BRIEF: Please quote the material exactly, every line of it.

RECORDS FOR THE EXERCISE:
+-------+
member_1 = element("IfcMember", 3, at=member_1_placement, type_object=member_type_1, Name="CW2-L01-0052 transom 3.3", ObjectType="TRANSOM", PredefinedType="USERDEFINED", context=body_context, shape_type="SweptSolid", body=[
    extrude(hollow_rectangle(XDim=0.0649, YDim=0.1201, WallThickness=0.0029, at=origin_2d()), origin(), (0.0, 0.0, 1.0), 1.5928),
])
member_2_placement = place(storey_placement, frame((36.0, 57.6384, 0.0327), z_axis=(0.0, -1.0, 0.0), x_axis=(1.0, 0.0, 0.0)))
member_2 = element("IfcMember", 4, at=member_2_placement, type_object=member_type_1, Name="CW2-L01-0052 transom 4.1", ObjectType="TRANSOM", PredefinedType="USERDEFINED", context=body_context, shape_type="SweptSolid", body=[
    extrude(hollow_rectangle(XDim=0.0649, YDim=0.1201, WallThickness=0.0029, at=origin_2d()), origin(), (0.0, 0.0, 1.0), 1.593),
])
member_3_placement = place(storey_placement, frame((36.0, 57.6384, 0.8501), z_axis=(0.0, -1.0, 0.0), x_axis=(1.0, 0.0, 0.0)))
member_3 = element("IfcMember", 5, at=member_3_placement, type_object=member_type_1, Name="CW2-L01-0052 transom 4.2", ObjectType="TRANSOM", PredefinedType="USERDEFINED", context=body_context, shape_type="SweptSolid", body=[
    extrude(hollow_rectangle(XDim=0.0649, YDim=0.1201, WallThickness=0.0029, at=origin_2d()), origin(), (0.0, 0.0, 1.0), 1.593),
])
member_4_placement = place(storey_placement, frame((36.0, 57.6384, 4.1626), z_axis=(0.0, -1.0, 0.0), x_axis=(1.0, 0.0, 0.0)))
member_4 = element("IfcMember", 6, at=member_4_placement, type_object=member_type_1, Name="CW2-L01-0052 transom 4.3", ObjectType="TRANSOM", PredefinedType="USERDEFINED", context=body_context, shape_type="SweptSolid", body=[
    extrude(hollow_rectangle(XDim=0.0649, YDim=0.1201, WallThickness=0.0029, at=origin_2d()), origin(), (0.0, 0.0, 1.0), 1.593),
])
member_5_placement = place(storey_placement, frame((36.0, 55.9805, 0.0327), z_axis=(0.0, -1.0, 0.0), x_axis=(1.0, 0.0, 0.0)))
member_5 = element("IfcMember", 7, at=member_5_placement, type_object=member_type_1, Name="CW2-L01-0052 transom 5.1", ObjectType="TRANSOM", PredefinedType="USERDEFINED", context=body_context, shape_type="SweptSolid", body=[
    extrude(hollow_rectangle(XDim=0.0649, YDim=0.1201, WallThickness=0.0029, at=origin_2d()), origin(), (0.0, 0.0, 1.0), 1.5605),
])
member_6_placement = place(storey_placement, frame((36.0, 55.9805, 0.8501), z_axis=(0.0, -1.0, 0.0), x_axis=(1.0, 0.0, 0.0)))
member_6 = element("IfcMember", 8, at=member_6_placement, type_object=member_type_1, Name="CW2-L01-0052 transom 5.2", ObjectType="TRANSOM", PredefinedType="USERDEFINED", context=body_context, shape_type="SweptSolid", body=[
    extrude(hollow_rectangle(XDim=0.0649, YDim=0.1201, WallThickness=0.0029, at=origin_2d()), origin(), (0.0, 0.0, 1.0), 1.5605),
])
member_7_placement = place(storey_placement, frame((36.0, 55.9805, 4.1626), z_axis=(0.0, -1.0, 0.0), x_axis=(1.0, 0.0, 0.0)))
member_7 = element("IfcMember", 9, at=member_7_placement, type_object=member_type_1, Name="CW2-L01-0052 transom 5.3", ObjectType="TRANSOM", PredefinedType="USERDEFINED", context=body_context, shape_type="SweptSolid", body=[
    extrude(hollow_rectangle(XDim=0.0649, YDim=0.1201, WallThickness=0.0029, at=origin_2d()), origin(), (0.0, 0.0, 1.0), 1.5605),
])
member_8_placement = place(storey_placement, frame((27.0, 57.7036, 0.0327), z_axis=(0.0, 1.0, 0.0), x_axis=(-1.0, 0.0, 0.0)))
+-------+
YOUR SOLUTION:
member_1 = element("IfcMember", 3, at=member_1_placement, type_object=member_type_1, Name="CW2-L01-0052 transom 3.3", ObjectType="TRANSOM", PredefinedType="USERDEFINED", context=body_context, shape_type="SweptSolid", body=[
    extrude(hollow_rectangle(XDim=0.0649, YDim=0.1201, WallThickness=0.0029, at=origin_2d()), origin(), (0.0, 0.0, 1.0), 1.5928),
])
member_2_placement = place(storey_placement, frame((36.0, 57.6384, 0.0327), z_axis=(0.0, -1.0, 0.0), x_axis=(1.0, 0.0, 0.0)))
member_2 = element("IfcMember", 4, at=member_2_placement, type_object=member_type_1, Name="CW2-L01-0052 transom 4.1", ObjectType="TRANSOM", PredefinedType="USERDEFINED", context=body_context, shape_type="SweptSolid", body=[
    extrude(hollow_rectangle(XDim=0.0649, YDim=0.1201, WallThickness=0.0029, at=origin_2d()), origin(), (0.0, 0.0, 1.0), 1.593),
])
member_3_placement = place(storey_placement, frame((36.0, 57.6384, 0.8501), z_axis=(0.0, -1.0, 0.0), x_axis=(1.0, 0.0, 0.0)))
member_3 = element("IfcMember", 5, at=member_3_placement, type_object=member_type_1, Name="CW2-L01-0052 transom 4.2", ObjectType="TRANSOM", PredefinedType="USERDEFINED", context=body_context, shape_type="SweptSolid", body=[
    extrude(hollow_rectangle(XDim=0.0649, YDim=0.1201, WallThickness=0.0029, at=origin_2d()), origin(), (0.0, 0.0, 1.0), 1.593),
])
member_4_placement = place(storey_placement, frame((36.0, 57.6384, 4.1626), z_axis=(0.0, -1.0, 0.0), x_axis=(1.0, 0.0, 0.0)))
member_4 = element("IfcMember", 6, at=member_4_placement, type_object=member_type_1, Name="CW2-L01-0052 transom 4.3", ObjectType="TRANSOM", PredefinedType="USERDEFINED", context=body_context, shape_type="SweptSolid", body=[
    extrude(hollow_rectangle(XDim=0.0649, YDim=0.1201, WallThickness=0.0029, at=origin_2d()), origin(), (0.0, 0.0, 1.0), 1.593),
])
member_5_placement = place(storey_placement, frame((36.0, 55.9805, 0.0327), z_axis=(0.0, -1.0, 0.0), x_axis=(1.0, 0.0, 0.0)))
member_5 = element("IfcMember", 7, at=member_5_placement, type_object=member_type_1, Name="CW2-L01-0052 transom 5.1", ObjectType="TRANSOM", PredefinedType="USERDEFINED", context=body_context, shape_type="SweptSolid", body=[
    extrude(hollow_rectangle(XDim=0.0649, YDim=0.1201, WallThickness=0.0029, at=origin_2d()), origin(), (0.0, 0.0, 1.0), 1.5605),
])
member_6_placement = place(storey_placement, frame((36.0, 55.9805, 0.8501), z_axis=(0.0, -1.0, 0.0), x_axis=(1.0, 0.0, 0.0)))
member_6 = element("IfcMember", 8, at=member_6_placement, type_object=member_type_1, Name="CW2-L01-0052 transom 5.2", ObjectType="TRANSOM", PredefinedType="USERDEFINED", context=body_context, shape_type="SweptSolid", body=[
    extrude(hollow_rectangle(XDim=0.0649, YDim=0.1201, WallThickness=0.0029, at=origin_2d()), origin(), (0.0, 0.0, 1.0), 1.5605),
])
member_7_placement = place(storey_placement, frame((36.0, 55.9805, 4.1626), z_axis=(0.0, -1.0, 0.0), x_axis=(1.0, 0.0, 0.0)))
member_7 = element("IfcMember", 9, at=member_7_placement, type_object=member_type_1, Name="CW2-L01-0052 transom 5.3", ObjectType="TRANSOM", PredefinedType="USERDEFINED", context=body_context, shape_type="SweptSolid", body=[
    extrude(hollow_rectangle(XDim=0.0649, YDim=0.1201, WallThickness=0.0029, at=origin_2d()), origin(), (0.0, 0.0, 1.0), 1.5605),
])
member_8_placement = place(storey_placement, frame((27.0, 57.7036, 0.0327), z_axis=(0.0, 1.0, 0.0), x_axis=(-1.0, 0.0, 0.0)))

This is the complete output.